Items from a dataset
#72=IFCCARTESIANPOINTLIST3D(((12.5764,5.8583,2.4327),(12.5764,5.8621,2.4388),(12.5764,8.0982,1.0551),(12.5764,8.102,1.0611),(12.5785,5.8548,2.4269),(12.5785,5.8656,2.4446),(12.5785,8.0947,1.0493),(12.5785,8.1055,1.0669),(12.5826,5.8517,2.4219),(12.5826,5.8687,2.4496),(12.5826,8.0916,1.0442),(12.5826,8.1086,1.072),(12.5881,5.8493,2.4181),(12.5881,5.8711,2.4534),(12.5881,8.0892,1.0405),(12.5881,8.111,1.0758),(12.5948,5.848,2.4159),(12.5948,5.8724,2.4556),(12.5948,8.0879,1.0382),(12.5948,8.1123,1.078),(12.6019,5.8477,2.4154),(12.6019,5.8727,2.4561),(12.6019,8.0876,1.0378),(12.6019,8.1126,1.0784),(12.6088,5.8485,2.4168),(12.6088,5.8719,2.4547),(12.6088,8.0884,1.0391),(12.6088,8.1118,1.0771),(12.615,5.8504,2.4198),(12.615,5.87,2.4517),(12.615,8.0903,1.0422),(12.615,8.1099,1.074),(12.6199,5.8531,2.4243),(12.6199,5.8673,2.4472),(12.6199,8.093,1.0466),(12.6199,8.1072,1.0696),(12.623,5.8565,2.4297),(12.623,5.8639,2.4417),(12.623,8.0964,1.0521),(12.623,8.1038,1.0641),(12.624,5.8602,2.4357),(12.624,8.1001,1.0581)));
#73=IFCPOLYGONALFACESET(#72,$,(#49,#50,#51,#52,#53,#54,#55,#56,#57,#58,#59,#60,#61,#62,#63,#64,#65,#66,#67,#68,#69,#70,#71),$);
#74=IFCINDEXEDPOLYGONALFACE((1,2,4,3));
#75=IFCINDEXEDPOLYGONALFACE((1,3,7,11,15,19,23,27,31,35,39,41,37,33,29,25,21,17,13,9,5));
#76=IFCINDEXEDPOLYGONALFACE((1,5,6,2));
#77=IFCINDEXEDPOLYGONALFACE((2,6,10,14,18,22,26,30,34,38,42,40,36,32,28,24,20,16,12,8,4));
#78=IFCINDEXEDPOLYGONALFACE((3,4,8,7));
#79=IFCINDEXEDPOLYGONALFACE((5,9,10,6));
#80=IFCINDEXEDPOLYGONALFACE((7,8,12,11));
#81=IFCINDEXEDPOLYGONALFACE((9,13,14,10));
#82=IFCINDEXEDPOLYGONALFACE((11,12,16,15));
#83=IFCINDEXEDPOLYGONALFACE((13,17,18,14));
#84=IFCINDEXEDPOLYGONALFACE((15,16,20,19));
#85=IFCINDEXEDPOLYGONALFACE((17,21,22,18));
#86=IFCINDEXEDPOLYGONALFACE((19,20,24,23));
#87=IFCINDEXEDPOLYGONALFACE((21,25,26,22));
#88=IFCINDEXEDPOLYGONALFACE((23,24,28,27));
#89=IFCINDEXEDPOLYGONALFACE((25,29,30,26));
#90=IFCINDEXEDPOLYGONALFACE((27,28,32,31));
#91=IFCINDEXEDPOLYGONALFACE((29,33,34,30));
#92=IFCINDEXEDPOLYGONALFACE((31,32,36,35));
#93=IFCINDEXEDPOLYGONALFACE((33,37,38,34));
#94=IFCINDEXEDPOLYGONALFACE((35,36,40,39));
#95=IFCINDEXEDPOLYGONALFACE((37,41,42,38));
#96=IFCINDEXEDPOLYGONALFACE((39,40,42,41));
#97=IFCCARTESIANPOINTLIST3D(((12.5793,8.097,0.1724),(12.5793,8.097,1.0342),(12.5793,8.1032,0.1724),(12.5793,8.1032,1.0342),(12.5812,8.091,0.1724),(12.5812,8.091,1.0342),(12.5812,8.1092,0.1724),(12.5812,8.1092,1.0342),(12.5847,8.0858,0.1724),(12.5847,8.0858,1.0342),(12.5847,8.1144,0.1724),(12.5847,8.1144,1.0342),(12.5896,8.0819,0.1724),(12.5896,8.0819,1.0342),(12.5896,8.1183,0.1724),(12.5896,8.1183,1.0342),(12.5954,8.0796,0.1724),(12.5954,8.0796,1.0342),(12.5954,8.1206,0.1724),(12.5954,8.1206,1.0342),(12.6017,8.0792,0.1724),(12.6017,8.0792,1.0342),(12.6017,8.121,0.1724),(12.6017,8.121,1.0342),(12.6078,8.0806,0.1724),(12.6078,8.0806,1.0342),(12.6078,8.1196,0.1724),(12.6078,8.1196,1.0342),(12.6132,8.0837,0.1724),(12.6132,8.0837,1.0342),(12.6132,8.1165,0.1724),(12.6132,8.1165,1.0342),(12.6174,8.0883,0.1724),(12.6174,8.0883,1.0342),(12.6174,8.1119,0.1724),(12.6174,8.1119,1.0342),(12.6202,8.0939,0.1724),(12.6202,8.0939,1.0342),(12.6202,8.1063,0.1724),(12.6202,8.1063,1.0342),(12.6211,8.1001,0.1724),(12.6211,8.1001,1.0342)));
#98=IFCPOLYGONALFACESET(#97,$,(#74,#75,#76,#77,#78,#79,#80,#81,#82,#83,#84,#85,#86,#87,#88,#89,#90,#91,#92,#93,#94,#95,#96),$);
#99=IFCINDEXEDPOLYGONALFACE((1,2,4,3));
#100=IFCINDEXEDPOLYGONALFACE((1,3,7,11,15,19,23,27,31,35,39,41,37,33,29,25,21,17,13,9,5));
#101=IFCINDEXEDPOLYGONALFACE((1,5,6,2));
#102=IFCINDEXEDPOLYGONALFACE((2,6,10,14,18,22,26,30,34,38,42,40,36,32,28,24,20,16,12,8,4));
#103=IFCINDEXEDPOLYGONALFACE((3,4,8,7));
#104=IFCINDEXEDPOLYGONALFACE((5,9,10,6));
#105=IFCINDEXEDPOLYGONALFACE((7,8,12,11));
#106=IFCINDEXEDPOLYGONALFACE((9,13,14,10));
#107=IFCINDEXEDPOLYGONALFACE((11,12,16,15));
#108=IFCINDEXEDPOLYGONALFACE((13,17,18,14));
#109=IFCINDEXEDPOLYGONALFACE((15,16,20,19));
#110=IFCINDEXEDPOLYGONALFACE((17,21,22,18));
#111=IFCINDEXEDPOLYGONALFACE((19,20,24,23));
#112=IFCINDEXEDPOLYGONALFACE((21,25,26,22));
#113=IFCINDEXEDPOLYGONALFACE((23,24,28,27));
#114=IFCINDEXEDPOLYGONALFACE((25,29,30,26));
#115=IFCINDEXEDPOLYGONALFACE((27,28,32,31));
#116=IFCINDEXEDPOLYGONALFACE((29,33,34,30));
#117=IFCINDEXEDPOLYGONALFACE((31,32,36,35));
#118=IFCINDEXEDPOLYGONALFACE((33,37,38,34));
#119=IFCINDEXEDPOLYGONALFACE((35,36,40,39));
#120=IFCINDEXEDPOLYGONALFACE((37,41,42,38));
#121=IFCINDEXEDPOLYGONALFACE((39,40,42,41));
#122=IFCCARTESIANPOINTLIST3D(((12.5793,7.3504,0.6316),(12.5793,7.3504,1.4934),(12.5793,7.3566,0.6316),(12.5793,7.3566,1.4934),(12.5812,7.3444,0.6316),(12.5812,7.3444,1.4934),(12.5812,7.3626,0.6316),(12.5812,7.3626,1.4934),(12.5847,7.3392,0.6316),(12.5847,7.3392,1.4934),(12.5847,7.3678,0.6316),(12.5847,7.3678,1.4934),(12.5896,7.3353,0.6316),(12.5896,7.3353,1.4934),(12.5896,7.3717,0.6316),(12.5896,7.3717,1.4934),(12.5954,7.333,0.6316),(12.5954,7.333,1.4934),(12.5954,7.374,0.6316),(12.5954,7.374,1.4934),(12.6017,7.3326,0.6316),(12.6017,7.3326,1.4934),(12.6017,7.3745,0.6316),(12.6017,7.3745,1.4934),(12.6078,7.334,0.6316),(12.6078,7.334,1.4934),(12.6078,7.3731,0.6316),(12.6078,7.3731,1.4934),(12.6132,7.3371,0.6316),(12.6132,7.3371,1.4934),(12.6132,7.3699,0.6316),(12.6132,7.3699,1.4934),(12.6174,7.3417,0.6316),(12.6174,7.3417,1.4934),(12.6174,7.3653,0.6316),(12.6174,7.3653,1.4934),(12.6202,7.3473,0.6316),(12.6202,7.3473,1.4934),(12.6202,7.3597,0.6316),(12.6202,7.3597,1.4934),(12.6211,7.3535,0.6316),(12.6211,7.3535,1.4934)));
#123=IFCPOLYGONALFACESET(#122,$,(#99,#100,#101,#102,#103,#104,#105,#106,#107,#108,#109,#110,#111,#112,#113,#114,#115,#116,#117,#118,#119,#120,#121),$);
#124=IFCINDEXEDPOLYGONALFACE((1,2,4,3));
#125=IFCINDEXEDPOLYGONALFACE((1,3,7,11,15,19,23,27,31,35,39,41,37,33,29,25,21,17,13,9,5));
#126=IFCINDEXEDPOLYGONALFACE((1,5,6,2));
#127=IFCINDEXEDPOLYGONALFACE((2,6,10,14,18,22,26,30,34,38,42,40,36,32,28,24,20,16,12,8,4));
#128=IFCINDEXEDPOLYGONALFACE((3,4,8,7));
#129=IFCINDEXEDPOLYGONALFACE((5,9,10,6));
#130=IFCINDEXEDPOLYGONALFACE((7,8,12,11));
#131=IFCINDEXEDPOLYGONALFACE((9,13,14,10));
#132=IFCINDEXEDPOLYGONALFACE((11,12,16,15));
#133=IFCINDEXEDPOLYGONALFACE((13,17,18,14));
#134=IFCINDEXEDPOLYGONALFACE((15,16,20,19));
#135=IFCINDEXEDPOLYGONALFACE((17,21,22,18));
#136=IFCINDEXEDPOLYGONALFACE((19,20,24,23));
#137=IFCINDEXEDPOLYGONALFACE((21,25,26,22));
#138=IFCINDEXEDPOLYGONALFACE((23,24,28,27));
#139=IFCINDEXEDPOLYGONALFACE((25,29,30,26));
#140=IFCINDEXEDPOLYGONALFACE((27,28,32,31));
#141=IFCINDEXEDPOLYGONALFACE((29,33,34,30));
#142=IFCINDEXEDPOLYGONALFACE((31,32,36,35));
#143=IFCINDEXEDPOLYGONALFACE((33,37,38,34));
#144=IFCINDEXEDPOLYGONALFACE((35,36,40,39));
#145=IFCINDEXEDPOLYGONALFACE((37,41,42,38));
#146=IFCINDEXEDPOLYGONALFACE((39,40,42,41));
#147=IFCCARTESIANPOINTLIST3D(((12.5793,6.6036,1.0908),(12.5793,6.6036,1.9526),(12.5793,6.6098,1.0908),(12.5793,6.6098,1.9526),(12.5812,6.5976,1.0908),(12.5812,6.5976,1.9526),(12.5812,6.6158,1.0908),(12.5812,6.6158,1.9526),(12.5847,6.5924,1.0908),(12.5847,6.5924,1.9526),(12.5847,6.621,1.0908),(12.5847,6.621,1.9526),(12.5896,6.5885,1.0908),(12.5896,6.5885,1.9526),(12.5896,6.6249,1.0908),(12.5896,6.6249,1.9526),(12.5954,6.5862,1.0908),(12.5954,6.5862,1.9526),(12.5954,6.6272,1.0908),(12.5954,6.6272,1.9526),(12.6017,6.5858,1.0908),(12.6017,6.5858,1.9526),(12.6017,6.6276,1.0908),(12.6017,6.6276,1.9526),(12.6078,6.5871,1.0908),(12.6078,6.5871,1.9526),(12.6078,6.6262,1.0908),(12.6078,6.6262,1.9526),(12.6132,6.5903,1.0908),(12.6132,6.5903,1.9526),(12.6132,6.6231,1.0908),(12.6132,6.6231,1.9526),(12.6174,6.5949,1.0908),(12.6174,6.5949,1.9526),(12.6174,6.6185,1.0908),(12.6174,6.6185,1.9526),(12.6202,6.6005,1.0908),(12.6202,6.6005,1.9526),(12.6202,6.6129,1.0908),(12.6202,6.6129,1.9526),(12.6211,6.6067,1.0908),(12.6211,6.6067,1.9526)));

WHAT IS NEEDED
Repeat word for word the lines above that run from the line containing "#90=IFCINDEXEDPOLYGONALFACE((27,28,32,31));" through the line containing "#114=IFCINDEXEDPOLYGONALFACE((25,29,30,26));", both ends included, and nothing else.

SOLUTION
#90=IFCINDEXEDPOLYGONALFACE((27,28,32,31));
#91=IFCINDEXEDPOLYGONALFACE((29,33,34,30));
#92=IFCINDEXEDPOLYGONALFACE((31,32,36,35));
#93=IFCINDEXEDPOLYGONALFACE((33,37,38,34));
#94=IFCINDEXEDPOLYGONALFACE((35,36,40,39));
#95=IFCINDEXEDPOLYGONALFACE((37,41,42,38));
#96=IFCINDEXEDPOLYGONALFACE((39,40,42,41));
#97=IFCCARTESIANPOINTLIST3D(((12.5793,8.097,0.1724),(12.5793,8.097,1.0342),(12.5793,8.1032,0.1724),(12.5793,8.1032,1.0342),(12.5812,8.091,0.1724),(12.5812,8.091,1.0342),(12.5812,8.1092,0.1724),(12.5812,8.1092,1.0342),(12.5847,8.0858,0.1724),(12.5847,8.0858,1.0342),(12.5847,8.1144,0.1724),(12.5847,8.1144,1.0342),(12.5896,8.0819,0.1724),(12.5896,8.0819,1.0342),(12.5896,8.1183,0.1724),(12.5896,8.1183,1.0342),(12.5954,8.0796,0.1724),(12.5954,8.0796,1.0342),(12.5954,8.1206,0.1724),(12.5954,8.1206,1.0342),(12.6017,8.0792,0.1724),(12.6017,8.0792,1.0342),(12.6017,8.121,0.1724),(12.6017,8.121,1.0342),(12.6078,8.0806,0.1724),(12.6078,8.0806,1.0342),(12.6078,8.1196,0.1724),(12.6078,8.1196,1.0342),(12.6132,8.0837,0.1724),(12.6132,8.0837,1.0342),(12.6132,8.1165,0.1724),(12.6132,8.1165,1.0342),(12.6174,8.0883,0.1724),(12.6174,8.0883,1.0342),(12.6174,8.1119,0.1724),(12.6174,8.1119,1.0342),(12.6202,8.0939,0.1724),(12.6202,8.0939,1.0342),(12.6202,8.1063,0.1724),(12.6202,8.1063,1.0342),(12.6211,8.1001,0.1724),(12.6211,8.1001,1.0342)));
#98=IFCPOLYGONALFACESET(#97,$,(#74,#75,#76,#77,#78,#79,#80,#81,#82,#83,#84,#85,#86,#87,#88,#89,#90,#91,#92,#93,#94,#95,#96),$);
#99=IFCINDEXEDPOLYGONALFACE((1,2,4,3));
#100=IFCINDEXEDPOLYGONALFACE((1,3,7,11,15,19,23,27,31,35,39,41,37,33,29,25,21,17,13,9,5));
#101=IFCINDEXEDPOLYGONALFACE((1,5,6,2));
#102=IFCINDEXEDPOLYGONALFACE((2,6,10,14,18,22,26,30,34,38,42,40,36,32,28,24,20,16,12,8,4));
#103=IFCINDEXEDPOLYGONALFACE((3,4,8,7));
#104=IFCINDEXEDPOLYGONALFACE((5,9,10,6));
#105=IFCINDEXEDPOLYGONALFACE((7,8,12,11));
#106=IFCINDEXEDPOLYGONALFACE((9,13,14,10));
#107=IFCINDEXEDPOLYGONALFACE((11,12,16,15));
#108=IFCINDEXEDPOLYGONALFACE((13,17,18,14));
#109=IFCINDEXEDPOLYGONALFACE((15,16,20,19));
#110=IFCINDEXEDPOLYGONALFACE((17,21,22,18));
#111=IFCINDEXEDPOLYGONALFACE((19,20,24,23));
#112=IFCINDEXEDPOLYGONALFACE((21,25,26,22));
#113=IFCINDEXEDPOLYGONALFACE((23,24,28,27));
#114=IFCINDEXEDPOLYGONALFACE((25,29,30,26));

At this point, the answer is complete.